_RECORDED DATA:_
#####

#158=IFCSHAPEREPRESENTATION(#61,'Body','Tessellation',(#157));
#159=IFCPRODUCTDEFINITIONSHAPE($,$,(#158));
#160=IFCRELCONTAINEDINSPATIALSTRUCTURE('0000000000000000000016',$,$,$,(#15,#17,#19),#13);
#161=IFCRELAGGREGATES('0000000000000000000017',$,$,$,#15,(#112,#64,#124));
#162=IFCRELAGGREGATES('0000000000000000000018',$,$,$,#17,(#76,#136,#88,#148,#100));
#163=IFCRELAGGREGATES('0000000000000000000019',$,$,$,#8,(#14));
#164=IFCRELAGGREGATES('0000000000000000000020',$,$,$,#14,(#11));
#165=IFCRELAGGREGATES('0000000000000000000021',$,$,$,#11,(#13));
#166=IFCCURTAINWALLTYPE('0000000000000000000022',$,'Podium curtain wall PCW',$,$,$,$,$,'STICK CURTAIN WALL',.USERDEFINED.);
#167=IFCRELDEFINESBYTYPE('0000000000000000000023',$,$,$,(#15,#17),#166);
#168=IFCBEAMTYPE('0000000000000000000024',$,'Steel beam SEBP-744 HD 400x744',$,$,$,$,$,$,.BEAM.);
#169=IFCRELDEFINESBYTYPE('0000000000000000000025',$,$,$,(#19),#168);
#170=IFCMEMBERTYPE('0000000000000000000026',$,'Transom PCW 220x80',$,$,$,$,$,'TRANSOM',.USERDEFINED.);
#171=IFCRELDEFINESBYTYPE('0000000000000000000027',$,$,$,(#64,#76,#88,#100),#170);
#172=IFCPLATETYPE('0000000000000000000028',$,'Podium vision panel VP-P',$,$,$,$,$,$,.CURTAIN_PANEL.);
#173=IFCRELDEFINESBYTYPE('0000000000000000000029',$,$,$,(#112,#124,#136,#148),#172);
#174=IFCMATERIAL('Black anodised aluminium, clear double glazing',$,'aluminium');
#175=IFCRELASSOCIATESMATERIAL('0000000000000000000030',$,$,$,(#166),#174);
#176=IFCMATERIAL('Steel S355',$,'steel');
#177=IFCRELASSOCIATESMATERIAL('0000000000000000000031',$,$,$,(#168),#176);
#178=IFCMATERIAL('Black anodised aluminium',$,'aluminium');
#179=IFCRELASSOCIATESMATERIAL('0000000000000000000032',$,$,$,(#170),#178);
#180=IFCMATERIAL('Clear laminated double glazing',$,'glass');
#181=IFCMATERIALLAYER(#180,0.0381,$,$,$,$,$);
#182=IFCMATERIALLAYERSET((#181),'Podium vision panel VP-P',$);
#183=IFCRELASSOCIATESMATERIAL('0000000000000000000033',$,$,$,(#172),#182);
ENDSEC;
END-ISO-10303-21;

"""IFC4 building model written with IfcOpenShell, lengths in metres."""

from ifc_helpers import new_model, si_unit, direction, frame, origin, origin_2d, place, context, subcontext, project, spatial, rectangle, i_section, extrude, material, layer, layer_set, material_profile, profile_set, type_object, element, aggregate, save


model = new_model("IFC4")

#####

_PROBLEM DESCRIPTION:_ A verbatim transcription is required of the lines from the one with "from ifc_helpers import" through the final line of the entries above, and of nothing else.

_TASK SOLUTION:_
from ifc_helpers import new_model, si_unit, direction, frame, origin, origin_2d, place, context, subcontext, project, spatial, rectangle, i_section, extrude, material, layer, layer_set, material_profile, profile_set, type_object, element, aggregate, save


model = new_model("IFC4")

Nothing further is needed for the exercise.